Stored data:
* * *
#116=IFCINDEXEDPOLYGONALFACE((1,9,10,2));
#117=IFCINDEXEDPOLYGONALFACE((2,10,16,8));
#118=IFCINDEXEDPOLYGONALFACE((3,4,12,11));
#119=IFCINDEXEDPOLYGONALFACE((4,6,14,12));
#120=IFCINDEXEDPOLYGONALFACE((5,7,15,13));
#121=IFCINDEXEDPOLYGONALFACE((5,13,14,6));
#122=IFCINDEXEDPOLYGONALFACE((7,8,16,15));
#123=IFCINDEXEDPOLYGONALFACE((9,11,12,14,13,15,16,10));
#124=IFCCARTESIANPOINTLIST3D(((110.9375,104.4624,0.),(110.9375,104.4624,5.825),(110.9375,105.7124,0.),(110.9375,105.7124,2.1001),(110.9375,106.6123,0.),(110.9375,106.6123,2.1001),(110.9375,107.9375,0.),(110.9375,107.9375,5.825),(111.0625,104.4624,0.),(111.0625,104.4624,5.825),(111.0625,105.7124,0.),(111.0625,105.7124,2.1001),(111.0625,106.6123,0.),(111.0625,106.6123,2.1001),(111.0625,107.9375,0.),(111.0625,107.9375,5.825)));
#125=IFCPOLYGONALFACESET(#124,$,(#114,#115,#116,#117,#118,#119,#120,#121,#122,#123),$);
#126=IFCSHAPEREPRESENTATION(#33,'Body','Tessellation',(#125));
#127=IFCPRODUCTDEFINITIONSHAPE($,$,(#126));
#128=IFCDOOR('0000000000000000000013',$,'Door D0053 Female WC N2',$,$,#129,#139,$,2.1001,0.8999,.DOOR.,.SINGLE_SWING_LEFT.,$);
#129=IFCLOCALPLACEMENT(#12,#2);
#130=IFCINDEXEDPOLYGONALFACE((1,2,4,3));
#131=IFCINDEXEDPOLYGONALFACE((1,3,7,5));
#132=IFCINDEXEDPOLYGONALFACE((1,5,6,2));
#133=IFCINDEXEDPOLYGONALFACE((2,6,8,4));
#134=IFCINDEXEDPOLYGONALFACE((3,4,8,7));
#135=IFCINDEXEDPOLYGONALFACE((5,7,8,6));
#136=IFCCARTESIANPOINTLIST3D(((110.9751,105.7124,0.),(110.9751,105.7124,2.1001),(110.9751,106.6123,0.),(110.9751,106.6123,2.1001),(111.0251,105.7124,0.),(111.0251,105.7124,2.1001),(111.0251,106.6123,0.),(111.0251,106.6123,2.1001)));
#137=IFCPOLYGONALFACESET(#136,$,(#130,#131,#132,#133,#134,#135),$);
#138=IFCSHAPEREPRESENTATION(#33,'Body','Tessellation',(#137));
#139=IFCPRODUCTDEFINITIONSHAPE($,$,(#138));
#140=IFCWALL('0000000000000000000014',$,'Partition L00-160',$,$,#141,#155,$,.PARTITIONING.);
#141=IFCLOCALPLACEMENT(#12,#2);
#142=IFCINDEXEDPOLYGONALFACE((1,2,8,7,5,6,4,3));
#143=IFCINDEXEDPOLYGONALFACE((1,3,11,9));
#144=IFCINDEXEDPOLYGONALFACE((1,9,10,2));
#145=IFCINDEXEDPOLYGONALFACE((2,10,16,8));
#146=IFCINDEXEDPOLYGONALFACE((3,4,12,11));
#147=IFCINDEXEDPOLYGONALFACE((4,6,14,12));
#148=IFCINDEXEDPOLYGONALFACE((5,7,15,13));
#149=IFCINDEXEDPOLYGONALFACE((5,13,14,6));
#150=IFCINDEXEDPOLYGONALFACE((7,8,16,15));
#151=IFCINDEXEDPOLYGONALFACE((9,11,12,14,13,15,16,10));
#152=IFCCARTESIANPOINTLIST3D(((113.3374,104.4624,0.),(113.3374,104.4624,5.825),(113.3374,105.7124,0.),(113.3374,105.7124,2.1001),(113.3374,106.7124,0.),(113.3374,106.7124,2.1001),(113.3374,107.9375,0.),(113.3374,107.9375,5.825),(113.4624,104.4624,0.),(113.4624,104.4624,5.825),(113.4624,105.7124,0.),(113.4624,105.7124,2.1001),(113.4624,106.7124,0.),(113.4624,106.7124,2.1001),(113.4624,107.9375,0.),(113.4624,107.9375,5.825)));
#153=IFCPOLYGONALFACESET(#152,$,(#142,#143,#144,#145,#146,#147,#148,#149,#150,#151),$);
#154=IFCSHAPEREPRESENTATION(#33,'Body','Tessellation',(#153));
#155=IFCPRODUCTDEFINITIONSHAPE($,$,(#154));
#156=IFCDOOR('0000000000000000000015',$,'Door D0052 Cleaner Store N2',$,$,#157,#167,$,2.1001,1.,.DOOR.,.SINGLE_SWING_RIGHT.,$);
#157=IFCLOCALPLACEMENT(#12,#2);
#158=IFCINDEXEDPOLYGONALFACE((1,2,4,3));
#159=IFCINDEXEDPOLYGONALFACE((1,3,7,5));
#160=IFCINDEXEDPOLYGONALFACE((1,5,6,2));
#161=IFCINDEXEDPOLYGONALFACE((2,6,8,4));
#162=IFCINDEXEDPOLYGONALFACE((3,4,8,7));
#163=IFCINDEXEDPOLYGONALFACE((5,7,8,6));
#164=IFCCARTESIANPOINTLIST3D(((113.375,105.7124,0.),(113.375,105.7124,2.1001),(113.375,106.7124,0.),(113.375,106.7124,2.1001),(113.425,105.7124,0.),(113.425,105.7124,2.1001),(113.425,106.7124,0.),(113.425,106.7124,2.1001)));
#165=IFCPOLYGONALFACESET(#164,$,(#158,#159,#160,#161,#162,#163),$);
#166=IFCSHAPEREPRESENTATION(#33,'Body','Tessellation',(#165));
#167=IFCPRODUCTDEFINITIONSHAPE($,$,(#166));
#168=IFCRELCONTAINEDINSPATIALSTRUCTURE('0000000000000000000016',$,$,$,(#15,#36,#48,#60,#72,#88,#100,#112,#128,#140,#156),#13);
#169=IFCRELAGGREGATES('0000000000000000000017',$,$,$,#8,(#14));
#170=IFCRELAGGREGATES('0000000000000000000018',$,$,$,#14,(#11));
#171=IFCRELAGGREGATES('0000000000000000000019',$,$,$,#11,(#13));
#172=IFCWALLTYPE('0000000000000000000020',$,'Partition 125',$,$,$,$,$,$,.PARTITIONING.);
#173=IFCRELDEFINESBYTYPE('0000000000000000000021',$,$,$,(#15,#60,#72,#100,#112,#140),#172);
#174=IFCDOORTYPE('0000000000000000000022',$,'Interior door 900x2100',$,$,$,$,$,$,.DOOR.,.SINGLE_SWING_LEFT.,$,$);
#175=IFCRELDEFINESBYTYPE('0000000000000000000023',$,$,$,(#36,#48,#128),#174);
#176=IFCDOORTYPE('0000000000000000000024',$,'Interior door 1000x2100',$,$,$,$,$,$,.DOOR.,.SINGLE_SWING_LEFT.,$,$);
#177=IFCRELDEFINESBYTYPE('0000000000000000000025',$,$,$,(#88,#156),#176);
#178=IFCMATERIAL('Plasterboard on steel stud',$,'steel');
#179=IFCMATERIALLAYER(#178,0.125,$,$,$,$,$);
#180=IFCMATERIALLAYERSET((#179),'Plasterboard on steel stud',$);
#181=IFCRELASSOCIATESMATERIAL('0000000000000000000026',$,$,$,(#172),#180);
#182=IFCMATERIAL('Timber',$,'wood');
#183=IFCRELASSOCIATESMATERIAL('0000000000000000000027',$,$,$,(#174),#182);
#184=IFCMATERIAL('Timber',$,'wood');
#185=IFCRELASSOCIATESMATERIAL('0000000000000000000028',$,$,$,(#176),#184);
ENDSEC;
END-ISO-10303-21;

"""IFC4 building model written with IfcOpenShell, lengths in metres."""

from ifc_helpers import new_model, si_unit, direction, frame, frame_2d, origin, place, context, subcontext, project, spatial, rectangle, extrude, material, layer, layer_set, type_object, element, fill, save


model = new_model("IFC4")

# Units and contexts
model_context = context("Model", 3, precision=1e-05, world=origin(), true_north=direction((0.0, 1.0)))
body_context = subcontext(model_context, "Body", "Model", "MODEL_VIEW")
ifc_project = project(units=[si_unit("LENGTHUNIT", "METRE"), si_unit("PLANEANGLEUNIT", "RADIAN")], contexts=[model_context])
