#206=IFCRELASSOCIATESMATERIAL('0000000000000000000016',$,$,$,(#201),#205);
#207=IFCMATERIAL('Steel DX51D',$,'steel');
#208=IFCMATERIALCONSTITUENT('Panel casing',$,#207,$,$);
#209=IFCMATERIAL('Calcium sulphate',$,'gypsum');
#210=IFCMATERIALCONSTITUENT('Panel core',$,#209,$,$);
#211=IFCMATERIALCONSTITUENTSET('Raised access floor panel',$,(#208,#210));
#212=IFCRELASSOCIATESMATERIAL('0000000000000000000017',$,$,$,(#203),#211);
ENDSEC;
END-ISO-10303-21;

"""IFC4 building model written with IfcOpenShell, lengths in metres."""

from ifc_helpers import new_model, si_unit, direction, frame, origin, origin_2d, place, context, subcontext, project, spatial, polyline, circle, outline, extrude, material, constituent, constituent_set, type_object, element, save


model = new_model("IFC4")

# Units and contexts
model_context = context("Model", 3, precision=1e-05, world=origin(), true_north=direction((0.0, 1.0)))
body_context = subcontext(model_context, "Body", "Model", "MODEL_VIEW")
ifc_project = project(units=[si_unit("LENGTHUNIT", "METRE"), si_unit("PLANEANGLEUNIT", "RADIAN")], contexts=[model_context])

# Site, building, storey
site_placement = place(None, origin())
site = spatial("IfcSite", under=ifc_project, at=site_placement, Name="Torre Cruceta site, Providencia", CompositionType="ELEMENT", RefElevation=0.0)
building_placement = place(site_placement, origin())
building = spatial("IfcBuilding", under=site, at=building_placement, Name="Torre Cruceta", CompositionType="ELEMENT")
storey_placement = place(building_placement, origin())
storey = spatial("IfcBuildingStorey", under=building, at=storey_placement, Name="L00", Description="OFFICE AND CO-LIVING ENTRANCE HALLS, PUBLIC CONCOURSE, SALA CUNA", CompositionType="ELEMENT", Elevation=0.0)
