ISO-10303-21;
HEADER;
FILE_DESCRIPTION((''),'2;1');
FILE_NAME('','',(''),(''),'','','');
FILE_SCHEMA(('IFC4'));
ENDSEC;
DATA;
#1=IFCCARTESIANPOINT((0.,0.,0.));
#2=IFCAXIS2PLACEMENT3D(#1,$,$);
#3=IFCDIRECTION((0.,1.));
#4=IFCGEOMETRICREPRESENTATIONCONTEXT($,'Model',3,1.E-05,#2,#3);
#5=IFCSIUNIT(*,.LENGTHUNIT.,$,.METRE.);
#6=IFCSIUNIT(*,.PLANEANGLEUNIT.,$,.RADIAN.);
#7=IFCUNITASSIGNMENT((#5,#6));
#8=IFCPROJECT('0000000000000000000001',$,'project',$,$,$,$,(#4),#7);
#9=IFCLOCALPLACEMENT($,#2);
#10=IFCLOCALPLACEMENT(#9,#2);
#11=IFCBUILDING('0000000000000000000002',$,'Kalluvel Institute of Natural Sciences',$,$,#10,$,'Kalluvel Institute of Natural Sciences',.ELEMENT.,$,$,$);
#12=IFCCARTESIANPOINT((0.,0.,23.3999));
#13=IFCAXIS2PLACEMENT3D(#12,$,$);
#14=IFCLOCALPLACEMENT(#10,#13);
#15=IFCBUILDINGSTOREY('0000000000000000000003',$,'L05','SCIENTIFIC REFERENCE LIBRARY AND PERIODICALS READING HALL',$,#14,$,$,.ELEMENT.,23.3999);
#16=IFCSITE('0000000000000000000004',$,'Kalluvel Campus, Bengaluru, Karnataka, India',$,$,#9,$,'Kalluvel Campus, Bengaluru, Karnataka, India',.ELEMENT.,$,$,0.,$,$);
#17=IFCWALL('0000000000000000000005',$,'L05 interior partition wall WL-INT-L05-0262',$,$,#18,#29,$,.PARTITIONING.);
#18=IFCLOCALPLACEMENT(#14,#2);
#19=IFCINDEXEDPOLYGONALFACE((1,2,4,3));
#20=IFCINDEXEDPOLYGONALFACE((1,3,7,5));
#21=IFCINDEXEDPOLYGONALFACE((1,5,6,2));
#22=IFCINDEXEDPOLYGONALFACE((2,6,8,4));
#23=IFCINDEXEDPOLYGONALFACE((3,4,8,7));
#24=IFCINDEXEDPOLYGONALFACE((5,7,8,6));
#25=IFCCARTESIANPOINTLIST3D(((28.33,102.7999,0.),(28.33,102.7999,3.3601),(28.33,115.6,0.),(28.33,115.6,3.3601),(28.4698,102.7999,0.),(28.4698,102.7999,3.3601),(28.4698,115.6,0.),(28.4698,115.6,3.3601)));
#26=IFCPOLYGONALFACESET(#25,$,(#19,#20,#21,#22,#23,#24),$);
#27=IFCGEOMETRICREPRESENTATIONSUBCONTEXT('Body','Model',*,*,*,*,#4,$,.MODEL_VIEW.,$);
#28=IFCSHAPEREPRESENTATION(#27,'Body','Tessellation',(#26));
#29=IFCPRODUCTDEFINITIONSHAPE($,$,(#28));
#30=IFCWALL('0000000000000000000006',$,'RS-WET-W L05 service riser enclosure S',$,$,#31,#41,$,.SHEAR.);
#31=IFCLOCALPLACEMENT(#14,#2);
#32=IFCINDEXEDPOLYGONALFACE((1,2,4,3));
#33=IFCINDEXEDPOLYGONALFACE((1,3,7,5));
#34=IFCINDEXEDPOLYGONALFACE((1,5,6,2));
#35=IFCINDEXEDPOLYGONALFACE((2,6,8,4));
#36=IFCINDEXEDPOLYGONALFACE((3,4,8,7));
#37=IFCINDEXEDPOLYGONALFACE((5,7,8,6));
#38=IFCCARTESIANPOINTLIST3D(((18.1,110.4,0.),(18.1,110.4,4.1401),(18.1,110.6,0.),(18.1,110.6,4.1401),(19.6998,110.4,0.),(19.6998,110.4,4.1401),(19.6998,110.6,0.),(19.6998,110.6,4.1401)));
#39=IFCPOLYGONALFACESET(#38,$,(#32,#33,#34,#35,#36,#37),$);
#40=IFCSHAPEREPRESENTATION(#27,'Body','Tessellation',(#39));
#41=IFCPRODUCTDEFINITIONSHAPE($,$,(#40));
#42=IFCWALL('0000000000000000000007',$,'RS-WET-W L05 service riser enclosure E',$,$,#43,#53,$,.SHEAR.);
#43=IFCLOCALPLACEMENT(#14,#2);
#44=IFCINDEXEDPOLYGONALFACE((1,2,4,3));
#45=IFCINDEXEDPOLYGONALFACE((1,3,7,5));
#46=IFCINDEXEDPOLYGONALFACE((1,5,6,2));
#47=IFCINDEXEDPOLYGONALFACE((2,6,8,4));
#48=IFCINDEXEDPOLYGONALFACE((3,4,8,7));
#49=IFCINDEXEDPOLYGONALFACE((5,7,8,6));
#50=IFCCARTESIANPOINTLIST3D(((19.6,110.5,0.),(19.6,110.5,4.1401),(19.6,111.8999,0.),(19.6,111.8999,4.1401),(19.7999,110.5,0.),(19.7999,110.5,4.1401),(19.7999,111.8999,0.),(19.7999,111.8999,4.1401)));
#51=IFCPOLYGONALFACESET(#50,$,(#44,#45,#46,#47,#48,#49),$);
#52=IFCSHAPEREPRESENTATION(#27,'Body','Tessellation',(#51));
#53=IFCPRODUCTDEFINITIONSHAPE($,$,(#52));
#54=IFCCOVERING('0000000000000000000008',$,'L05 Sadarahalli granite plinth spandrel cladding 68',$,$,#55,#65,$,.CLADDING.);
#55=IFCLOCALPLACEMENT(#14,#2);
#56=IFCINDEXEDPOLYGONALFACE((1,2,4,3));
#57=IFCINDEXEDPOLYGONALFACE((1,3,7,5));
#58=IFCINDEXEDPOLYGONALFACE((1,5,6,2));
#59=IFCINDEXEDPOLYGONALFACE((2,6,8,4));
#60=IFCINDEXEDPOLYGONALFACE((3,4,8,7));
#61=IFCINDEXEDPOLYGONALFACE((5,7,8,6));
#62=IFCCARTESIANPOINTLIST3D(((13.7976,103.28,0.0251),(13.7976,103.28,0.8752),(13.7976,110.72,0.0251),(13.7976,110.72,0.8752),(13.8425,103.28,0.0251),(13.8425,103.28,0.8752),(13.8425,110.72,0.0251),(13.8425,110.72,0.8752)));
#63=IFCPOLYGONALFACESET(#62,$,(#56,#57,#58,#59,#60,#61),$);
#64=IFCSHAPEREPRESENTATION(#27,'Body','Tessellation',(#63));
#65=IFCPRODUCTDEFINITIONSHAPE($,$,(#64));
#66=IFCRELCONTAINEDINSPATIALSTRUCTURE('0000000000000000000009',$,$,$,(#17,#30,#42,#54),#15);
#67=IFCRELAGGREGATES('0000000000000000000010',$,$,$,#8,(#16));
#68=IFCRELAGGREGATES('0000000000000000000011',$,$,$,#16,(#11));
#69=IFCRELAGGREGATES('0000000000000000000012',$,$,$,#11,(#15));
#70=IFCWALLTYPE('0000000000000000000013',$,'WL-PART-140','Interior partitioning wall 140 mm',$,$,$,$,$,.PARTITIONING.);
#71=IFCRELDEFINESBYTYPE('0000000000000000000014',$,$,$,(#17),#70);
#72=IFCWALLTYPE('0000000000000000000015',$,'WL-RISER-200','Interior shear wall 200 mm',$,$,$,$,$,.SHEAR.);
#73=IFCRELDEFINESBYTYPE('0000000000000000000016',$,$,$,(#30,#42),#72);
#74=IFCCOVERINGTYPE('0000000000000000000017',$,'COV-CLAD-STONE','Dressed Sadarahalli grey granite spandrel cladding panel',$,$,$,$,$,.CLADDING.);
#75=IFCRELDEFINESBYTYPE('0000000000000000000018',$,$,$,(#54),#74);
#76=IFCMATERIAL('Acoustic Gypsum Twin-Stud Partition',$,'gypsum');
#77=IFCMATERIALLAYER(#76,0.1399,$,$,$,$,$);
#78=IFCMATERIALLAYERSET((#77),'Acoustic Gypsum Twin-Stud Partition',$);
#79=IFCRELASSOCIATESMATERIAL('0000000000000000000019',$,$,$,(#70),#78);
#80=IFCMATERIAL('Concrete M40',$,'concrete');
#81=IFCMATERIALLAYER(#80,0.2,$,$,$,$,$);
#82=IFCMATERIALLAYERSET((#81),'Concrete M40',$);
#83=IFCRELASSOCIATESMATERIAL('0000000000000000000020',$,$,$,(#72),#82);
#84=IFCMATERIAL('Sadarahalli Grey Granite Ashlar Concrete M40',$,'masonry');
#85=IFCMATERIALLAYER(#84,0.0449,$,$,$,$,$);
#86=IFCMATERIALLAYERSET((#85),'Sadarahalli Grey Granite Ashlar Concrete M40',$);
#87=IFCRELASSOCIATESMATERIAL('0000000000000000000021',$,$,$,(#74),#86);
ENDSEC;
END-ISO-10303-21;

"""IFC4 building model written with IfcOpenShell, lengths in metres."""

from ifc_helpers import new_model, si_unit, direction, frame, frame_2d, origin, origin_2d, place, context, subcontext, project, spatial, rectangle, extrude, material, layer, layer_set, type_object, element, save


model = new_model("IFC4")

# Units and contexts
model_context = context("Model", 3, precision=1e-05, world=origin(), true_north=direction((0.0, 1.0)))
body_context = subcontext(model_context, "Body", "Model", "MODEL_VIEW")
ifc_project = project(units=[si_unit("LENGTHUNIT", "METRE"), si_unit("PLANEANGLEUNIT", "RADIAN")], contexts=[model_context])

# Site, building, storey
site_placement = place(None, origin())
site = spatial("IfcSite", under=ifc_project, at=site_placement, Name="Kalluvel Campus, Bengaluru, Karnataka, India", LongName="Kalluvel Campus, Bengaluru, Karnataka, India", CompositionType="ELEMENT", RefElevation=0.0)
building_placement = place(site_placement, origin())
building = spatial("IfcBuilding", under=site, at=building_placement, Name="Kalluvel Institute of Natural Sciences", LongName="Kalluvel Institute of Natural Sciences", CompositionType="ELEMENT")
storey_placement = place(building_placement, frame((0.0, 0.0, 23.3999)))
storey = spatial("IfcBuildingStorey", under=building, at=storey_placement, Name="L05", Description="SCIENTIFIC REFERENCE LIBRARY AND PERIODICALS READING HALL", CompositionType="ELEMENT", Elevation=23.3999)

# Shared definitions
ifc_material_1 = material(Name="Concrete M40", Category="concrete")

# Walls
ifc_material_2 = material(Name="Sadarahalli Grey Granite Ashlar Concrete M40", Category="masonry")
ifc_material_3 = material(Name="Acoustic Gypsum Twin-Stud Partition", Category="gypsum")
ifc_layer_1 = layer(ifc_material_3, 0.1399)
ifc_layer_set_1 = layer_set([ifc_layer_1], Name="Acoustic Gypsum Twin-Stud Partition")
wall_type_1 = type_object("IfcWallType", Name="WL-PART-140", Description="Interior partitioning wall 140 mm", PredefinedType="PARTITIONING", material=ifc_layer_set_1)
wall_1_placement = place(storey_placement, frame((28.3999, 102.8, 0.0), z_axis=(0.0, 0.0, 1.0), x_axis=(0.0, 1.0, 0.0)))
element("IfcWall", 1, at=wall_1_placement, inside=storey, type_object=wall_type_1, Name="L05 interior partition wall WL-INT-L05-0262", PredefinedType="PARTITIONING", context=body_context, shape_type="SweptSolid", body=[
    extrude(rectangle(XDim=12.8, YDim=0.1399, at=frame_2d((6.3999, 0.0))), origin(), (0.0, 0.0, 1.0), 3.3601),
])
ifc_layer_2 = layer(ifc_material_1, 0.2)
ifc_layer_set_2 = layer_set([ifc_layer_2], Name="Concrete M40")
wall_type_2 = type_object("IfcWallType", Name="WL-RISER-200", Description="Interior shear wall 200 mm", PredefinedType="SHEAR", material=ifc_layer_set_2)
wall_2_placement = place(storey_placement, frame((18.1001, 110.5, 0.0), z_axis=(0.0, 0.0, 1.0), x_axis=(1.0, 0.0, 0.0)))
element("IfcWall", 2, at=wall_2_placement, inside=storey, type_object=wall_type_2, Name="RS-WET-W L05 service riser enclosure S", PredefinedType="SHEAR", context=body_context, shape_type="SweptSolid", body=[
    extrude(rectangle(XDim=1.5999, YDim=0.2, at=frame_2d((0.7998, 0.0))), origin(), (0.0, 0.0, 1.0), 4.1401),
])
wall_3_placement = place(storey_placement, frame((19.7, 110.5, 0.0), z_axis=(0.0, 0.0, 1.0), x_axis=(0.0, 1.0, 0.0)))
element("IfcWall", 3, at=wall_3_placement, inside=storey, type_object=wall_type_2, Name="RS-WET-W L05 service riser enclosure E", PredefinedType="SHEAR", context=body_context, shape_type="SweptSolid", body=[
    extrude(rectangle(XDim=1.3999, YDim=0.2, at=frame_2d((0.7, 0.0))), origin(), (0.0, 0.0, 1.0), 4.1401),
])

# Covering
ifc_layer_3 = layer(ifc_material_2, 0.0449)
ifc_layer_set_3 = layer_set([ifc_layer_3], Name="Sadarahalli Grey Granite Ashlar Concrete M40")
covering_type = type_object("IfcCoveringType", Name="COV-CLAD-STONE", Description="Dressed Sadarahalli grey granite spandrel cladding panel", PredefinedType="CLADDING", material=ifc_layer_set_3)
covering_placement = place(storey_placement, frame((13.8201, 107.0, 0.0251), z_axis=(0.0, 0.0, 1.0), x_axis=(0.0, 1.0, 0.0)))
element("IfcCovering", 4, at=covering_placement, inside=storey, type_object=covering_type, Name="L05 Sadarahalli granite plinth spandrel cladding 68", PredefinedType="CLADDING", context=body_context, shape_type="SweptSolid", body=[
    extrude(rectangle(XDim=7.4399, YDim=0.0449, at=origin_2d()), origin(), (0.0, 0.0, 1.0), 0.8501),
])

save(model, "model.ifc")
* * *
Print the records verbatim, stopping after the "#139=IFCPRODUCTDEFINITIONSHAPE($,$,(#138));" line.

#116=IFCINDEXEDPOLYGONALFACE((1,9,10,2));
#117=IFCINDEXEDPOLYGONALFACE((2,10,16,8));
#118=IFCINDEXEDPOLYGONALFACE((3,4,12,11));
#119=IFCINDEXEDPOLYGONALFACE((4,6,14,12));
#120=IFCINDEXEDPOLYGONALFACE((5,7,15,13));
#121=IFCINDEXEDPOLYGONALFACE((5,13,14,6));
#122=IFCINDEXEDPOLYGONALFACE((7,8,16,15));
#123=IFCINDEXEDPOLYGONALFACE((9,11,12,14,13,15,16,10));
#124=IFCCARTESIANPOINTLIST3D(((110.9375,104.4624,0.),(110.9375,104.4624,5.825),(110.9375,105.7124,0.),(110.9375,105.7124,2.1001),(110.9375,106.6123,0.),(110.9375,106.6123,2.1001),(110.9375,107.9375,0.),(110.9375,107.9375,5.825),(111.0625,104.4624,0.),(111.0625,104.4624,5.825),(111.0625,105.7124,0.),(111.0625,105.7124,2.1001),(111.0625,106.6123,0.),(111.0625,106.6123,2.1001),(111.0625,107.9375,0.),(111.0625,107.9375,5.825)));
#125=IFCPOLYGONALFACESET(#124,$,(#114,#115,#116,#117,#118,#119,#120,#121,#122,#123),$);
#126=IFCSHAPEREPRESENTATION(#33,'Body','Tessellation',(#125));
#127=IFCPRODUCTDEFINITIONSHAPE($,$,(#126));
#128=IFCDOOR('0000000000000000000013',$,'Door D0053 Female WC N2',$,$,#129,#139,$,2.1001,0.8999,.DOOR.,.SINGLE_SWING_LEFT.,$);
#129=IFCLOCALPLACEMENT(#12,#2);
#130=IFCINDEXEDPOLYGONALFACE((1,2,4,3));
#131=IFCINDEXEDPOLYGONALFACE((1,3,7,5));
#132=IFCINDEXEDPOLYGONALFACE((1,5,6,2));
#133=IFCINDEXEDPOLYGONALFACE((2,6,8,4));
#134=IFCINDEXEDPOLYGONALFACE((3,4,8,7));
#135=IFCINDEXEDPOLYGONALFACE((5,7,8,6));
#136=IFCCARTESIANPOINTLIST3D(((110.9751,105.7124,0.),(110.9751,105.7124,2.1001),(110.9751,106.6123,0.),(110.9751,106.6123,2.1001),(111.0251,105.7124,0.),(111.0251,105.7124,2.1001),(111.0251,106.6123,0.),(111.0251,106.6123,2.1001)));
#137=IFCPOLYGONALFACESET(#136,$,(#130,#131,#132,#133,#134,#135),$);
#138=IFCSHAPEREPRESENTATION(#33,'Body','Tessellation',(#137));
#139=IFCPRODUCTDEFINITIONSHAPE($,$,(#138));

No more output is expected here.